(Exercise) Gather up every line from the entries below that uses the word "IFCRELCONTAINEDINSPATIALSTRUCTURE".

══ Information given

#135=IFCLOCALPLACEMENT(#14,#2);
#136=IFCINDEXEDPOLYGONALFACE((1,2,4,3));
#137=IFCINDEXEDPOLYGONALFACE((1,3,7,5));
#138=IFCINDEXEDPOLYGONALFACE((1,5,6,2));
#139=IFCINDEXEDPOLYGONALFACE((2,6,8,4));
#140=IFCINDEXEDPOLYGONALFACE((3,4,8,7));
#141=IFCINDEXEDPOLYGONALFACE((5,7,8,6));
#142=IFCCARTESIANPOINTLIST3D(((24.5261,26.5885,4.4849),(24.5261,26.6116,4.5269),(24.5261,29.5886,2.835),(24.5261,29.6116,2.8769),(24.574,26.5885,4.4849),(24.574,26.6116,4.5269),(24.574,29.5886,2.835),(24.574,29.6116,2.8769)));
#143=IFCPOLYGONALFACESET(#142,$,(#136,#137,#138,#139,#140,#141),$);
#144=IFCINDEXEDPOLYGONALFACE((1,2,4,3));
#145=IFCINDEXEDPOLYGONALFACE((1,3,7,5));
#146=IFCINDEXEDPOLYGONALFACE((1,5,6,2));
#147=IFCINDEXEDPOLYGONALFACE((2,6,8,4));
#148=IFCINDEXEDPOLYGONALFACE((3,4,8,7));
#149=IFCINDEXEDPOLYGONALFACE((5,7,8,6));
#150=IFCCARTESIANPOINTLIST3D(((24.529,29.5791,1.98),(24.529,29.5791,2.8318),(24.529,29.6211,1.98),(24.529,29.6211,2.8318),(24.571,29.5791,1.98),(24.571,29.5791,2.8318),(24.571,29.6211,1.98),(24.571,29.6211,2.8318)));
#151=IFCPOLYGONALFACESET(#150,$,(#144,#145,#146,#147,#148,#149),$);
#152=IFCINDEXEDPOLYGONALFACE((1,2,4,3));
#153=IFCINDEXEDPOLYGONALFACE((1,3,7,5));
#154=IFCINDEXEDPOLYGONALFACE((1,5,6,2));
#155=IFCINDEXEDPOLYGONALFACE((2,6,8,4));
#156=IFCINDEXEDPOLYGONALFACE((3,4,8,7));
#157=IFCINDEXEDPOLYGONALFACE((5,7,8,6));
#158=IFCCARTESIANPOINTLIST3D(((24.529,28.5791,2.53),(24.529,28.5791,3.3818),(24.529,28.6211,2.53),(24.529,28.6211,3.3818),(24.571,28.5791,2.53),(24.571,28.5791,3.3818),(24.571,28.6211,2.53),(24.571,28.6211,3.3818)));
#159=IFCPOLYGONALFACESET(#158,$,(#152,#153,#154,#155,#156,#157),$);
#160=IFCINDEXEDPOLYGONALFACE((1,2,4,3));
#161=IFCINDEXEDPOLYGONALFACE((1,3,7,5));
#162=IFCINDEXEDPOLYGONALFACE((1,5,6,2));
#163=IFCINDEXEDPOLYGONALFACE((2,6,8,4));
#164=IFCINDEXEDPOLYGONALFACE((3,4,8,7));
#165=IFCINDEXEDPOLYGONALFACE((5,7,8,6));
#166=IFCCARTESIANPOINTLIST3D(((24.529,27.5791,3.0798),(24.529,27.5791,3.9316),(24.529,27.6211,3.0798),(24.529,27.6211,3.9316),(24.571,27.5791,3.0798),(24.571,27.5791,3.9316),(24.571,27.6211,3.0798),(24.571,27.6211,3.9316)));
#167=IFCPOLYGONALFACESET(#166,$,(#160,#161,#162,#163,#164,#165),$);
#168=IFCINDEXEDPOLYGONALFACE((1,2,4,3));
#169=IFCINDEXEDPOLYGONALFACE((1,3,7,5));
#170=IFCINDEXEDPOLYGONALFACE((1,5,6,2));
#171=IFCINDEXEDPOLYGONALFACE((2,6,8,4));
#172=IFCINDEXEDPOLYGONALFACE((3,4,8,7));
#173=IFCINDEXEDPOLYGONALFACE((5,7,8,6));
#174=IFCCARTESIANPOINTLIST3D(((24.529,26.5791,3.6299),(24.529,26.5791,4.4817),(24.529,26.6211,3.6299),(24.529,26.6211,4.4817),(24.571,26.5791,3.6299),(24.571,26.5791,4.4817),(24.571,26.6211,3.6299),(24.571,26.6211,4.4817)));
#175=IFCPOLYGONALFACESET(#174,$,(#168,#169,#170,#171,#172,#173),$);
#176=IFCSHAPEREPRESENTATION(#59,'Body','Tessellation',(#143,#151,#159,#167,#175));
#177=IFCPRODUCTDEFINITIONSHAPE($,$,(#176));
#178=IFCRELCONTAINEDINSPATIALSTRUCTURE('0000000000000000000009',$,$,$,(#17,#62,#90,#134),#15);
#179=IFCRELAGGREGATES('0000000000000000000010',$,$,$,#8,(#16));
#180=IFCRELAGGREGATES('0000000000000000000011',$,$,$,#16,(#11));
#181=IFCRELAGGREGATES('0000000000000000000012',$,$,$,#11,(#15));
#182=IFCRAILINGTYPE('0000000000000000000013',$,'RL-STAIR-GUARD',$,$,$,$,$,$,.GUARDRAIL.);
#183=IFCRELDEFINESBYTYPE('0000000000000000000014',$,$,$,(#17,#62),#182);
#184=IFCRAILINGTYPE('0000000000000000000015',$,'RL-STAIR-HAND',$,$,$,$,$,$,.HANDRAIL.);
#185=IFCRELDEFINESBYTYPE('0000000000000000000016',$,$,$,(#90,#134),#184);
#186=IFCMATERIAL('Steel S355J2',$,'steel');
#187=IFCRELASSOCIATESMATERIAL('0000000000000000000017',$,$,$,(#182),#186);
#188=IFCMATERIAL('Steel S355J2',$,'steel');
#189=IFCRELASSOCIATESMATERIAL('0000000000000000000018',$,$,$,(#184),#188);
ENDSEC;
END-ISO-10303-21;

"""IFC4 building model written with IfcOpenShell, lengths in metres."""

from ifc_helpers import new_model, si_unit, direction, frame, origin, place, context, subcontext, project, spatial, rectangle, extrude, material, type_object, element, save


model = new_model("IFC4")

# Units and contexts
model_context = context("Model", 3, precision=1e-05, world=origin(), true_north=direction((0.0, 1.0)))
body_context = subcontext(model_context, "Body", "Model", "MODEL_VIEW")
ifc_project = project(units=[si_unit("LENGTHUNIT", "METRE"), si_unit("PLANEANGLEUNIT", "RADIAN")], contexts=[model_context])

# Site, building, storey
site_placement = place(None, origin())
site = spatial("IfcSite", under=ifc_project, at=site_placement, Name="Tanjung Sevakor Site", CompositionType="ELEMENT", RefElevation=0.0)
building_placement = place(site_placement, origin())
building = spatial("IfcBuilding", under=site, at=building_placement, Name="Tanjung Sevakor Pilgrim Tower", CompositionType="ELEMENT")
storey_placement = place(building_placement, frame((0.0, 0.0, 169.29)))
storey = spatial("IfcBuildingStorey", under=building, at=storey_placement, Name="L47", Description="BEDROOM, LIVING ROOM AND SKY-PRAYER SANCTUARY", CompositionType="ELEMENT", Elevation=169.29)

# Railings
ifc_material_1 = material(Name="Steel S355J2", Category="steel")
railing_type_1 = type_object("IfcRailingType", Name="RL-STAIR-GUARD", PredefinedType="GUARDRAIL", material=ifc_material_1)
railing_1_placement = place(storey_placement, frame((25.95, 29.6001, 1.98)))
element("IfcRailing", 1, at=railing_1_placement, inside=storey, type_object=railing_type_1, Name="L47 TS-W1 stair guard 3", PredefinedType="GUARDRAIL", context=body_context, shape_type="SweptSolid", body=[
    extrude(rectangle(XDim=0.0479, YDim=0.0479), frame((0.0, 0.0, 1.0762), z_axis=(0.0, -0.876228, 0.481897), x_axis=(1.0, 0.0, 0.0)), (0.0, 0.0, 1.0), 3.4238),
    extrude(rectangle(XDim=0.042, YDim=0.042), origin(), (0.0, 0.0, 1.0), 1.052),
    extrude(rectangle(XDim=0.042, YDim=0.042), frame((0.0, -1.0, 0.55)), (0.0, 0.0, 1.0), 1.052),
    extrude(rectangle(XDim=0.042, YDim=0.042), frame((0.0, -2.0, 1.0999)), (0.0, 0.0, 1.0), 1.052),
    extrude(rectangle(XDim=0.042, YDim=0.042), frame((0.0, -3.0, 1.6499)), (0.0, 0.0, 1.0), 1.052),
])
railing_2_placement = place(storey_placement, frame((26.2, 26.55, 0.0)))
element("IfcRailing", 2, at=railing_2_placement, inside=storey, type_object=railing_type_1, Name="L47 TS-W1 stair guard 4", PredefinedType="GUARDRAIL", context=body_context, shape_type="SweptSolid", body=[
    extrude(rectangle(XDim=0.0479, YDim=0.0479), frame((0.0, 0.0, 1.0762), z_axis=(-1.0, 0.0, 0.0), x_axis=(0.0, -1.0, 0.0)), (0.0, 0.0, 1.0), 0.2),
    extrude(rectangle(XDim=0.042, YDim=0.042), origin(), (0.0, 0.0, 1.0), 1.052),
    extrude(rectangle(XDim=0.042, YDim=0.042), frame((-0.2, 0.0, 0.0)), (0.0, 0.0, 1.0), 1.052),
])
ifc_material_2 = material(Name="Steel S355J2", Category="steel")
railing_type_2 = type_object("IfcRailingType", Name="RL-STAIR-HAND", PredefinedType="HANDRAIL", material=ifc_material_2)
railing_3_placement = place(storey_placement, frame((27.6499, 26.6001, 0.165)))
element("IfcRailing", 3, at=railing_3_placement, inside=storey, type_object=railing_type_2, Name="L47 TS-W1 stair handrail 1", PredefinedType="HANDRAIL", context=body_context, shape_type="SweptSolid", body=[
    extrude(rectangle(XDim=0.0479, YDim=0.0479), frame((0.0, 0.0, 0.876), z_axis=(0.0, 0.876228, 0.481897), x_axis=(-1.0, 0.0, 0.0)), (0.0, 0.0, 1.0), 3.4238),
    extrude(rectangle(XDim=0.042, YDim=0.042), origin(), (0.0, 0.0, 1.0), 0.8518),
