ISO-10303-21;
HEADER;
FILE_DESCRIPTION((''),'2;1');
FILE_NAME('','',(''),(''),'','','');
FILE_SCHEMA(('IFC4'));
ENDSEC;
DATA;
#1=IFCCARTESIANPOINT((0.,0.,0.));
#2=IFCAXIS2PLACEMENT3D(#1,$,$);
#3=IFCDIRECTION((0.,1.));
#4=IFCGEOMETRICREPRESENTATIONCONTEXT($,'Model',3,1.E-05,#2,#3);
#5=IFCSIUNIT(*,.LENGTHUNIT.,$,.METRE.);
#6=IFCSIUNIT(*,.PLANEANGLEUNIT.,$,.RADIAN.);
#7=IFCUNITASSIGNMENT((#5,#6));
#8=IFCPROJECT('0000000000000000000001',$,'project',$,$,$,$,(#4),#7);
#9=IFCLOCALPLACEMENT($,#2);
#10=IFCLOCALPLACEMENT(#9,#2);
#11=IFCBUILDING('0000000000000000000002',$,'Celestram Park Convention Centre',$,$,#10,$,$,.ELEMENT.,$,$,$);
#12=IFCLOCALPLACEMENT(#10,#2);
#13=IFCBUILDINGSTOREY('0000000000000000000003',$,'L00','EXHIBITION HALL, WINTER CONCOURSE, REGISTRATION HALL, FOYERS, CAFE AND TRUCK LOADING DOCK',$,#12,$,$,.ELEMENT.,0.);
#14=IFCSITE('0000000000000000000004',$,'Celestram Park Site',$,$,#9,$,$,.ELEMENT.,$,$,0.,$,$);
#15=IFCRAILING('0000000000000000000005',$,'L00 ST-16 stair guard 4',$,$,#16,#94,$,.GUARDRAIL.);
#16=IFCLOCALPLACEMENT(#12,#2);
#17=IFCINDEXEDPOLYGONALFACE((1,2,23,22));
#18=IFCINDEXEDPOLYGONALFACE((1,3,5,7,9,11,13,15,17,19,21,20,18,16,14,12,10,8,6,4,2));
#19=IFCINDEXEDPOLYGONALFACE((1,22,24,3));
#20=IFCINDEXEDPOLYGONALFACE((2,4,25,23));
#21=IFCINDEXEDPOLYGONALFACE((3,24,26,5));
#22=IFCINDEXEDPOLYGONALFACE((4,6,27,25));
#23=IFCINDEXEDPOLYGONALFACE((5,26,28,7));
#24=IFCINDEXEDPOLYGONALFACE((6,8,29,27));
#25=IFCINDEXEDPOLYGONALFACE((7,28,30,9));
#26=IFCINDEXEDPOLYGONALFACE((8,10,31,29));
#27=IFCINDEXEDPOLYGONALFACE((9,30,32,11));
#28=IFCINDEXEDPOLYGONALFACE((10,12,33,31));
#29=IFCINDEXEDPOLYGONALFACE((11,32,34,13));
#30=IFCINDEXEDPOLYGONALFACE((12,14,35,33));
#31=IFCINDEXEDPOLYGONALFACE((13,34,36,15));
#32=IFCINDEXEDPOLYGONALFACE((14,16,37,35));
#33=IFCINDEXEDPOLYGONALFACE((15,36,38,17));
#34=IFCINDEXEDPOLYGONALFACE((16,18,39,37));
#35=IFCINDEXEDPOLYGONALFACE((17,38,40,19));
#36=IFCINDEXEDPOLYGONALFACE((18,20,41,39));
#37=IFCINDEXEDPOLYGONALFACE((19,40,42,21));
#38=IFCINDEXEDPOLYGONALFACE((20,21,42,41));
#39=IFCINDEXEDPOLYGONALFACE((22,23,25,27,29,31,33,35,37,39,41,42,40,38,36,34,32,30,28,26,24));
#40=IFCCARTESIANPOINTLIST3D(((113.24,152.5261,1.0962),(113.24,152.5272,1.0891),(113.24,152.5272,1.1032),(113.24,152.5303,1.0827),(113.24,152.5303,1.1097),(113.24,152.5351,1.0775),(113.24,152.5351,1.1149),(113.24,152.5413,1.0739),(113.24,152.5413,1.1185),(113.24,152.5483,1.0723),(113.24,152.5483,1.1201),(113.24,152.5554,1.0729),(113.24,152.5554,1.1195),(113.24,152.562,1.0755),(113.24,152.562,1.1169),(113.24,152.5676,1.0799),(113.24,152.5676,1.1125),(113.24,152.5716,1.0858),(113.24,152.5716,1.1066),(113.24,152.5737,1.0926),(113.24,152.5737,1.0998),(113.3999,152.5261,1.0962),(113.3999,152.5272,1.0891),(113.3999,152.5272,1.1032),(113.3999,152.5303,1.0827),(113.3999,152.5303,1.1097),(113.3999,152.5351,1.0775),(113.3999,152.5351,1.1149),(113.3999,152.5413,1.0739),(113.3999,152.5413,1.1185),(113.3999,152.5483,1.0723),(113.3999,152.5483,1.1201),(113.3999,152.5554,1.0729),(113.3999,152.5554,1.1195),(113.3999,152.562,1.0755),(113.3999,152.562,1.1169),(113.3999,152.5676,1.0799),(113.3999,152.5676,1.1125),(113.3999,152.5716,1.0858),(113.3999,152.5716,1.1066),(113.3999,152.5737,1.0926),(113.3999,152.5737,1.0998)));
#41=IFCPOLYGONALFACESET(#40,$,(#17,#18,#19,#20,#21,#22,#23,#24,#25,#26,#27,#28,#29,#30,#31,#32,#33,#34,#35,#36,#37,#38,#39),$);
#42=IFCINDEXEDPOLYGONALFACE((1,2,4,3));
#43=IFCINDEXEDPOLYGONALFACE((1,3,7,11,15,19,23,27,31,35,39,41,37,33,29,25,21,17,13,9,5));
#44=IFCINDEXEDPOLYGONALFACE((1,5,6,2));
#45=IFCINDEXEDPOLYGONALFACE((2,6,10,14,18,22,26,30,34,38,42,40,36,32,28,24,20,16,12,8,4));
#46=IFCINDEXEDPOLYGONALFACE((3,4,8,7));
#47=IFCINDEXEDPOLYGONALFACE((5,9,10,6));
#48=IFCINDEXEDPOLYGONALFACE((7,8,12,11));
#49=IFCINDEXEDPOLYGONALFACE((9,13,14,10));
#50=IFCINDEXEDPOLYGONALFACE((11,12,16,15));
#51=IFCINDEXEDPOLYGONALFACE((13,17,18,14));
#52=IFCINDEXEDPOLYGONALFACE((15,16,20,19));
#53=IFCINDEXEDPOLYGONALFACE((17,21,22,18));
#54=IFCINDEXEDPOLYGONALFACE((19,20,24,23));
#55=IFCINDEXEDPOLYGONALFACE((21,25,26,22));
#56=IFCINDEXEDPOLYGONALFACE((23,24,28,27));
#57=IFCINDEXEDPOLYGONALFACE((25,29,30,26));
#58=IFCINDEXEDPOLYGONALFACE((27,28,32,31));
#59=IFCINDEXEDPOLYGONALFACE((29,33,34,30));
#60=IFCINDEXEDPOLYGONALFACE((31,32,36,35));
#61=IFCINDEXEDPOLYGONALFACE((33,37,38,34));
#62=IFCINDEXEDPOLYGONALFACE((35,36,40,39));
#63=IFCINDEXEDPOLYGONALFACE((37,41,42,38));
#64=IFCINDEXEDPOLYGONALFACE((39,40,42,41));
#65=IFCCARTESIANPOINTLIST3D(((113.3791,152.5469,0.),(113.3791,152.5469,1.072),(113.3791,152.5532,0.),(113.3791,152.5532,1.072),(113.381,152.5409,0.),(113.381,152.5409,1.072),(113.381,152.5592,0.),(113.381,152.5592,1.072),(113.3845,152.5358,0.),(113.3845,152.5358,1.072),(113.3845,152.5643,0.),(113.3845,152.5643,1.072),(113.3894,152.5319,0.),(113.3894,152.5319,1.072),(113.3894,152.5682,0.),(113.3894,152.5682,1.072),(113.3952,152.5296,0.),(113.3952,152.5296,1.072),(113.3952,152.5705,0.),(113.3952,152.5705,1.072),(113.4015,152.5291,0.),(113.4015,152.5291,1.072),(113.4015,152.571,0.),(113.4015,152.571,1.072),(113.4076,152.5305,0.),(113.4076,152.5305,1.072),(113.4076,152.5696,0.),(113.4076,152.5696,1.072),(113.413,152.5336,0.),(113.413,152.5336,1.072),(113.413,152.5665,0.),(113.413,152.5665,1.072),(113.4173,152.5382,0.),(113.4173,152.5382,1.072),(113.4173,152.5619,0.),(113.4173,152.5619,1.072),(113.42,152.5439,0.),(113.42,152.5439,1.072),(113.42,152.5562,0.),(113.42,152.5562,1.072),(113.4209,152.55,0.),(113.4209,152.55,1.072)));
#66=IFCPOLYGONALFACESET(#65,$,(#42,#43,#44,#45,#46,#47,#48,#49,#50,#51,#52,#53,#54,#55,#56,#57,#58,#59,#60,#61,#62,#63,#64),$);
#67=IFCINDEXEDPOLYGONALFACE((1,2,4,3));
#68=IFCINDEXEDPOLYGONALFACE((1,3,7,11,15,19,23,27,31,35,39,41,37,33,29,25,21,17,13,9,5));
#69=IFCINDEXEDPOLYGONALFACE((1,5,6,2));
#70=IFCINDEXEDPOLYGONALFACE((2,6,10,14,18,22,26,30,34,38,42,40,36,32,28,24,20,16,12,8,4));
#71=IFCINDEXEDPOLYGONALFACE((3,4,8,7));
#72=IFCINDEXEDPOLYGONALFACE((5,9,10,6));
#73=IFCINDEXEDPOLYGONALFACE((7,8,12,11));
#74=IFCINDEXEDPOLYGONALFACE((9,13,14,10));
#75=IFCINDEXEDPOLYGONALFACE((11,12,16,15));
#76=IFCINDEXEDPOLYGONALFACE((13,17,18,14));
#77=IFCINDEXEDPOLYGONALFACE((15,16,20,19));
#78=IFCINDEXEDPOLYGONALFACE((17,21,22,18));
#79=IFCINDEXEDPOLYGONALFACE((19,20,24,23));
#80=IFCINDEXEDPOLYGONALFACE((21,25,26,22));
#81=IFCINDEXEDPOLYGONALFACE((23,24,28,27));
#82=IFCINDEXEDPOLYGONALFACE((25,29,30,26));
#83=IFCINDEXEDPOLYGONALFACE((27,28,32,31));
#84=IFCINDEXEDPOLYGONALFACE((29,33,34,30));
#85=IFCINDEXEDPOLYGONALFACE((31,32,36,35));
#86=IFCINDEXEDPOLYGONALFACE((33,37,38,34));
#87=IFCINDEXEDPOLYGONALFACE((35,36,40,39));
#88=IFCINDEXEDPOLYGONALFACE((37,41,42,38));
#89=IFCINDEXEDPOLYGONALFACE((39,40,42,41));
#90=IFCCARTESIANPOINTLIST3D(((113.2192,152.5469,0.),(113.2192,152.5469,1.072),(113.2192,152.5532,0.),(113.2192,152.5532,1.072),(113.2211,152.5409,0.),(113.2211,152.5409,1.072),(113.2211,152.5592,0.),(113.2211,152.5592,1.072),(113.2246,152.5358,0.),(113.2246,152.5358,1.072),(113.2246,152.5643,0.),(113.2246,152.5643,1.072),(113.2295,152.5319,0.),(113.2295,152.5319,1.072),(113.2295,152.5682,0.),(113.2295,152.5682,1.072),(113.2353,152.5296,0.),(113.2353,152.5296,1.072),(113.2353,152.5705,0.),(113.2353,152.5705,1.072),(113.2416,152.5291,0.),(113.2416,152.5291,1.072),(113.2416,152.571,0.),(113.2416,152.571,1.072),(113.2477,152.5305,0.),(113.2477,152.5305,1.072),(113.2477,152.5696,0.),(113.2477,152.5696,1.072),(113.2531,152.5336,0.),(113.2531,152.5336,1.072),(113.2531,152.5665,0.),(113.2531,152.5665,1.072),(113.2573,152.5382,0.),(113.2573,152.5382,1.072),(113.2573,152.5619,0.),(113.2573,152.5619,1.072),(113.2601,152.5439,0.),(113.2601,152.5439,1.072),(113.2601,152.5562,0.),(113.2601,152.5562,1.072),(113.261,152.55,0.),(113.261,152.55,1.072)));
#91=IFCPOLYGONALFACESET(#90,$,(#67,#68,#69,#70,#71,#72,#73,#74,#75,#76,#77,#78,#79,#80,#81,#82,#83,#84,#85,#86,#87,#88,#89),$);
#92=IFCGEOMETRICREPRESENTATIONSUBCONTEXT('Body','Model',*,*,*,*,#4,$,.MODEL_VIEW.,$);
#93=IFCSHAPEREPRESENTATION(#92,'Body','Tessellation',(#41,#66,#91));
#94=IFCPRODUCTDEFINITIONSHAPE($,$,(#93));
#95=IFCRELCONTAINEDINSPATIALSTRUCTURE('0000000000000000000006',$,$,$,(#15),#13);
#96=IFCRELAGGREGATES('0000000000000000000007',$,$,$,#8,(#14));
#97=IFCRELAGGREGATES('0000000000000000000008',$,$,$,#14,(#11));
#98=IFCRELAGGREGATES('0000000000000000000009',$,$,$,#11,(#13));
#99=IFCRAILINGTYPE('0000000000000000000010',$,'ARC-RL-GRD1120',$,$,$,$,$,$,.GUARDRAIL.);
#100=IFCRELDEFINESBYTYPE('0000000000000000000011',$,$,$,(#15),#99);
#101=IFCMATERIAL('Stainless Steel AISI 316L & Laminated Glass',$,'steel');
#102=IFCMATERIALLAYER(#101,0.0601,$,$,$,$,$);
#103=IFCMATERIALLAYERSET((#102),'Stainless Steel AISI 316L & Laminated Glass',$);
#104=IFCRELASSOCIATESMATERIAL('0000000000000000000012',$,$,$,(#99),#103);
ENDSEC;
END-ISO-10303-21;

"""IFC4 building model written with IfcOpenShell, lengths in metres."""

from ifc_helpers import new_model, si_unit, direction, frame, origin, origin_2d, place, context, subcontext, project, spatial, circle, extrude, material, layer, layer_set, type_object, element, save


model = new_model("IFC4")

# Units and contexts
model_context = context("Model", 3, precision=1e-05, world=origin(), true_north=direction((0.0, 1.0)))
body_context = subcontext(model_context, "Body", "Model", "MODEL_VIEW")
ifc_project = project(units=[si_unit("LENGTHUNIT", "METRE"), si_unit("PLANEANGLEUNIT", "RADIAN")], contexts=[model_context])

# Site, building, storey
site_placement = place(None, origin())
site = spatial("IfcSite", under=ifc_project, at=site_placement, Name="Celestram Park Site", CompositionType="ELEMENT", RefElevation=0.0)
building_placement = place(site_placement, origin())
building = spatial("IfcBuilding", under=site, at=building_placement, Name="Celestram Park Convention Centre", CompositionType="ELEMENT")
storey_placement = place(building_placement, origin())
storey = spatial("IfcBuildingStorey", under=building, at=storey_placement, Name="L00", Description="EXHIBITION HALL, WINTER CONCOURSE, REGISTRATION HALL, FOYERS, CAFE AND TRUCK LOADING DOCK", CompositionType="ELEMENT", Elevation=0.0)

# Railing
ifc_material_1 = material(Name="Stainless Steel AISI 316L & Laminated Glass", Category="steel")
ifc_layer_1 = layer(ifc_material_1, 0.0601)
ifc_layer_set_1 = layer_set([ifc_layer_1], Name="Stainless Steel AISI 316L & Laminated Glass")
railing_type_1 = type_object("IfcRailingType", Name="ARC-RL-GRD1120", PredefinedType="GUARDRAIL", material=ifc_layer_set_1)
railing_1_placement = place(storey_placement, frame((113.3999, 152.55, 0.0)))
element("IfcRailing", 1, at=railing_1_placement, inside=storey, type_object=railing_type_1, Name="L00 ST-16 stair guard 4", PredefinedType="GUARDRAIL", context=body_context, shape_type="SweptSolid", body=[
    extrude(circle(Radius=0.0239, at=origin_2d()), frame((0.0, 0.0, 1.0962), z_axis=(-1.0, 0.0, 0.0), x_axis=(0.0, -1.0, 0.0)), (0.0, 0.0, 1.0), 0.1599),
    extrude(circle(Radius=0.021, at=origin_2d()), origin(), (0.0, 0.0, 1.0), 1.072),
    extrude(circle(Radius=0.021, at=origin_2d()), frame((-0.1599, 0.0, 0.0)), (0.0, 0.0, 1.0), 1.072),
])

save(model, "model.ifc")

════

(Answer for this exercise)
#178=IFCRELCONTAINEDINSPATIALSTRUCTURE('0000000000000000000009',$,$,$,(#17,#62,#90,#134),#15);
#95=IFCRELCONTAINEDINSPATIALSTRUCTURE('0000000000000000000006',$,$,$,(#15),#13);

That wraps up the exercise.